**Supplied records**.
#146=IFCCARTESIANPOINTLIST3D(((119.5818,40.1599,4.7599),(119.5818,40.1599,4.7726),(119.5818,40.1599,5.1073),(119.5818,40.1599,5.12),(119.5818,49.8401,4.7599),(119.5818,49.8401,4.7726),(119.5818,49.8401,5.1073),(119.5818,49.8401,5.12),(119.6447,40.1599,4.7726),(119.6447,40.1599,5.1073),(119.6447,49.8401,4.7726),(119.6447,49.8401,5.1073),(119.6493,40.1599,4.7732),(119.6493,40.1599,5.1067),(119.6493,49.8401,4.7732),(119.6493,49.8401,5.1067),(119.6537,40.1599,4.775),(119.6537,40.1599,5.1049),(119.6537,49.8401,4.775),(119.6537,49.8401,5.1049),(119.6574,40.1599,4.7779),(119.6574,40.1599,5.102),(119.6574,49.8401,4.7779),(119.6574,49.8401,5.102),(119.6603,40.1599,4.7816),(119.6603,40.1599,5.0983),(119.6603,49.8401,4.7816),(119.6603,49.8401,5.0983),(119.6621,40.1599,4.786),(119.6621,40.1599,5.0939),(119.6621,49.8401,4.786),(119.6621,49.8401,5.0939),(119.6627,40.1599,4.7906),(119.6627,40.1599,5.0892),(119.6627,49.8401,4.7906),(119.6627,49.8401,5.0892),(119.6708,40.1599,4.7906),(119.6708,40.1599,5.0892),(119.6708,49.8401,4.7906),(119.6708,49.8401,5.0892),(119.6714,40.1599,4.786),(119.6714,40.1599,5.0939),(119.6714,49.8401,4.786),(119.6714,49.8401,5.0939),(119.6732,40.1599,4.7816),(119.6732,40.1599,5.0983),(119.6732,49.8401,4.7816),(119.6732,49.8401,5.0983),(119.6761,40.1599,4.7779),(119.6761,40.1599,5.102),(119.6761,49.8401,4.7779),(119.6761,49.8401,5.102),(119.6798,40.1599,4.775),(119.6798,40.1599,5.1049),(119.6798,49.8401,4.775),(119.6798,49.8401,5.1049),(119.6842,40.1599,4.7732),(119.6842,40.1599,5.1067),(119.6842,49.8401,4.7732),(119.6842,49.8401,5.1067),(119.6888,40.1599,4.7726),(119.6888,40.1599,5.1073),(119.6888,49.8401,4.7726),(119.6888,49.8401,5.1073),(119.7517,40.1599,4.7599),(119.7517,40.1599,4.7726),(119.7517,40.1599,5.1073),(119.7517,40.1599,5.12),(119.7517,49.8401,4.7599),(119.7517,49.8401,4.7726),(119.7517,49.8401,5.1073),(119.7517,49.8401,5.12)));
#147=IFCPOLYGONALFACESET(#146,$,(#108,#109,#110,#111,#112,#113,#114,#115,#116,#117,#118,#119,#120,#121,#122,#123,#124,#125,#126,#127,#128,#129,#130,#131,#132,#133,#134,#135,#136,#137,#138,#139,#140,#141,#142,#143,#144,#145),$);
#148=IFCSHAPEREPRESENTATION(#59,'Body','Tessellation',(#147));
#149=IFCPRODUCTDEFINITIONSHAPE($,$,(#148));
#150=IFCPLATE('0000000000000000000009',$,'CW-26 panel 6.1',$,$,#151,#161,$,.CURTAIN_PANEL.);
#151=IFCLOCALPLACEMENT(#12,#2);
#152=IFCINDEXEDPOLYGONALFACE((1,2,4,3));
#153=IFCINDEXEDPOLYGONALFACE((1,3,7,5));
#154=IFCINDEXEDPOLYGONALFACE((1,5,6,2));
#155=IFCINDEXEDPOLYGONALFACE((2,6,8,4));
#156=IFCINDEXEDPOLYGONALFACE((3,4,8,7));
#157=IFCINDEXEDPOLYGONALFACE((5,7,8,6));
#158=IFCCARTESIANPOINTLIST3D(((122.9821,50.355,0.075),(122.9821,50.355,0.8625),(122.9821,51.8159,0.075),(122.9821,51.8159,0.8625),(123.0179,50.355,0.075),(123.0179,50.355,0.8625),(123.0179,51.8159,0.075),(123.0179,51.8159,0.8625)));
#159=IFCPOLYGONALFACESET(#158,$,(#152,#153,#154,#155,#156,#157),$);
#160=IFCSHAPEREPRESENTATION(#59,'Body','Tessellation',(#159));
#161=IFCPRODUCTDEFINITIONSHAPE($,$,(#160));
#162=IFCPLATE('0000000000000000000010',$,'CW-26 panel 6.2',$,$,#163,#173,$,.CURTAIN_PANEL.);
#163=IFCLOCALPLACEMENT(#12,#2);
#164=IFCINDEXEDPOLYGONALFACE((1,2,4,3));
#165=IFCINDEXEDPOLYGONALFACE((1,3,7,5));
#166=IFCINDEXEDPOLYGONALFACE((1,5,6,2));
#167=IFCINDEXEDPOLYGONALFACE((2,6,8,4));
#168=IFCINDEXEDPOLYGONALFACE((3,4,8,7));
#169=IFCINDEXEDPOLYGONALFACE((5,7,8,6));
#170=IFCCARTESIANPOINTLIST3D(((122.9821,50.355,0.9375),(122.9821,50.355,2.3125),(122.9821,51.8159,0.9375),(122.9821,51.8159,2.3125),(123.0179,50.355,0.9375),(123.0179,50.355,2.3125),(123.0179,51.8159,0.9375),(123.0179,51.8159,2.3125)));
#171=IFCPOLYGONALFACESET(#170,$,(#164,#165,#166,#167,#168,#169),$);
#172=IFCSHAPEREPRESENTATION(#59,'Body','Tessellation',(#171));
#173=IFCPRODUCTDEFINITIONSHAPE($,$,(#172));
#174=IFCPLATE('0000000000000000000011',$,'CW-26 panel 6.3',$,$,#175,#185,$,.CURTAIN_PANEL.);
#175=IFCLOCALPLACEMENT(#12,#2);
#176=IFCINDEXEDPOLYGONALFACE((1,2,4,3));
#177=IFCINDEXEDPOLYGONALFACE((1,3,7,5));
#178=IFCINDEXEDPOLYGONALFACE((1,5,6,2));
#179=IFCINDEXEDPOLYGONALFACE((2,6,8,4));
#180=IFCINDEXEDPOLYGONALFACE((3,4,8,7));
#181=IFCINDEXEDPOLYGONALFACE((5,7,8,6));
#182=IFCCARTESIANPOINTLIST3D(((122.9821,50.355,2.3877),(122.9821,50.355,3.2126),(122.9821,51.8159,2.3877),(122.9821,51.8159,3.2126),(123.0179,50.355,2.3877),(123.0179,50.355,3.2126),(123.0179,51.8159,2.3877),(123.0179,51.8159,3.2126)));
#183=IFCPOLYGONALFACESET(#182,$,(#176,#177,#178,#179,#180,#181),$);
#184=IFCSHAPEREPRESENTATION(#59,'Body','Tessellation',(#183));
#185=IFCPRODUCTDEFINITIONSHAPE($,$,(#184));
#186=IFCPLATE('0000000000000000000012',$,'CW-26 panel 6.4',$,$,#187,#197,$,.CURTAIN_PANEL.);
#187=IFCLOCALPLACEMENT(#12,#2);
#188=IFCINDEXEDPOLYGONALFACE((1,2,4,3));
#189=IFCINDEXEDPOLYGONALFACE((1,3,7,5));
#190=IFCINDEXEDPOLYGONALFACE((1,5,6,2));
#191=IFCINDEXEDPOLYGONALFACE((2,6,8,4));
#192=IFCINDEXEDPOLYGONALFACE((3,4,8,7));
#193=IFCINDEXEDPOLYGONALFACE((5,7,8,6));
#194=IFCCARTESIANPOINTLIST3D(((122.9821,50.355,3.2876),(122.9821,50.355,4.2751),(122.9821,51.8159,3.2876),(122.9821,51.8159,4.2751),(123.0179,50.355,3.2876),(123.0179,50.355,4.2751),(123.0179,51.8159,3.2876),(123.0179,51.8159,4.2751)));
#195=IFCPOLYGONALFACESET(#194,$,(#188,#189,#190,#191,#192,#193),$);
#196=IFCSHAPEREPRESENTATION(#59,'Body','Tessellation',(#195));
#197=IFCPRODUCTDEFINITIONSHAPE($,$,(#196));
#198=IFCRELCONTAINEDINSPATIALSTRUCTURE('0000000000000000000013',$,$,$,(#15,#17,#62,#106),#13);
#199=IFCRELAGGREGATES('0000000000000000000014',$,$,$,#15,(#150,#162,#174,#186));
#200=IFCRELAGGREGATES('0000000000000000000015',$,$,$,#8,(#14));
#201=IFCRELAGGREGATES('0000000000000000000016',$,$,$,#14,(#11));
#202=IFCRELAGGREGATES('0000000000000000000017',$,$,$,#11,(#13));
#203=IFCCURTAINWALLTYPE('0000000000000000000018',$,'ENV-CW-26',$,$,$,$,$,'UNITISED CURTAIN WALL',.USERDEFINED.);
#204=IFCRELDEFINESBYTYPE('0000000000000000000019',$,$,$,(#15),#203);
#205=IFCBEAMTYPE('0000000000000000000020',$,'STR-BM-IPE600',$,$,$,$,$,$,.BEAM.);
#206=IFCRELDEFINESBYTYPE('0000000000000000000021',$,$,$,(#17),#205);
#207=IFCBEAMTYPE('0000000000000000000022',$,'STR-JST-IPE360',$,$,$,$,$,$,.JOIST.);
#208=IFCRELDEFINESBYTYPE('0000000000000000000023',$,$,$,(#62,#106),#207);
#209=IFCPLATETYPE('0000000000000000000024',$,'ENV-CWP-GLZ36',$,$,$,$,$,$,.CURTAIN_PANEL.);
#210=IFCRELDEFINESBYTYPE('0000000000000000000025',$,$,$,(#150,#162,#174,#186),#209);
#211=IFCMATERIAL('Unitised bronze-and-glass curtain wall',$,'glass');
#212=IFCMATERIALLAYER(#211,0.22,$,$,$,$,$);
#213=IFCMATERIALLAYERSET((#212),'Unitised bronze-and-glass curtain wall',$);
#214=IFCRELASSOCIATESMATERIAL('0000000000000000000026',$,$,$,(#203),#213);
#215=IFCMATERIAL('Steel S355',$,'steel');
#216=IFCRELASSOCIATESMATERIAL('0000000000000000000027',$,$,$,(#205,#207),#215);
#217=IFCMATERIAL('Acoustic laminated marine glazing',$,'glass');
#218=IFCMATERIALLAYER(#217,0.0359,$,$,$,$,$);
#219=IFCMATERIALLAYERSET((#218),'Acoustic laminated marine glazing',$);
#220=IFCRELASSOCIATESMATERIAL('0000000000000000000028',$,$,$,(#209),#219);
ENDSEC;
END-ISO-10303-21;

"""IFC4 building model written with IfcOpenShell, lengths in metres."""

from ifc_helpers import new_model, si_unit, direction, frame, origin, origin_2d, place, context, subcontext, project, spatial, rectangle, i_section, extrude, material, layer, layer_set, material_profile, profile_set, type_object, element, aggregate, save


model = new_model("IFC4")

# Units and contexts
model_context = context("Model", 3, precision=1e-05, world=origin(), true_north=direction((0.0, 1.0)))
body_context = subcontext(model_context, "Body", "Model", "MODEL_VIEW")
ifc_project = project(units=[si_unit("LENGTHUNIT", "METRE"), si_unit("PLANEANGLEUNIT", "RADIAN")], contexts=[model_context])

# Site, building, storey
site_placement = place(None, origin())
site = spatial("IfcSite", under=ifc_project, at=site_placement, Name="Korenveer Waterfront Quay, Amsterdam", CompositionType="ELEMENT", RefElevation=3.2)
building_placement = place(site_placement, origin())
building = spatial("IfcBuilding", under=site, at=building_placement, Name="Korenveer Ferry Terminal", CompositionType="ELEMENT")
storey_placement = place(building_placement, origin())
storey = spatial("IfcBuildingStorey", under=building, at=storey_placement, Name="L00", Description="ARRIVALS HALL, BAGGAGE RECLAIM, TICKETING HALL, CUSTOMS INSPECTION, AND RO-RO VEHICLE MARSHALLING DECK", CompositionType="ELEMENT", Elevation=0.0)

**Task to complete**. In the records above, locate every line with the string "under" and copy it.

**Output for this task**.
site = spatial("IfcSite", under=ifc_project, at=site_placement, Name="Korenveer Waterfront Quay, Amsterdam", CompositionType="ELEMENT", RefElevation=3.2)
building = spatial("IfcBuilding", under=site, at=building_placement, Name="Korenveer Ferry Terminal", CompositionType="ELEMENT")
storey = spatial("IfcBuildingStorey", under=building, at=storey_placement, Name="L00", Description="ARRIVALS HALL, BAGGAGE RECLAIM, TICKETING HALL, CUSTOMS INSPECTION, AND RO-RO VEHICLE MARSHALLING DECK", CompositionType="ELEMENT", Elevation=0.0)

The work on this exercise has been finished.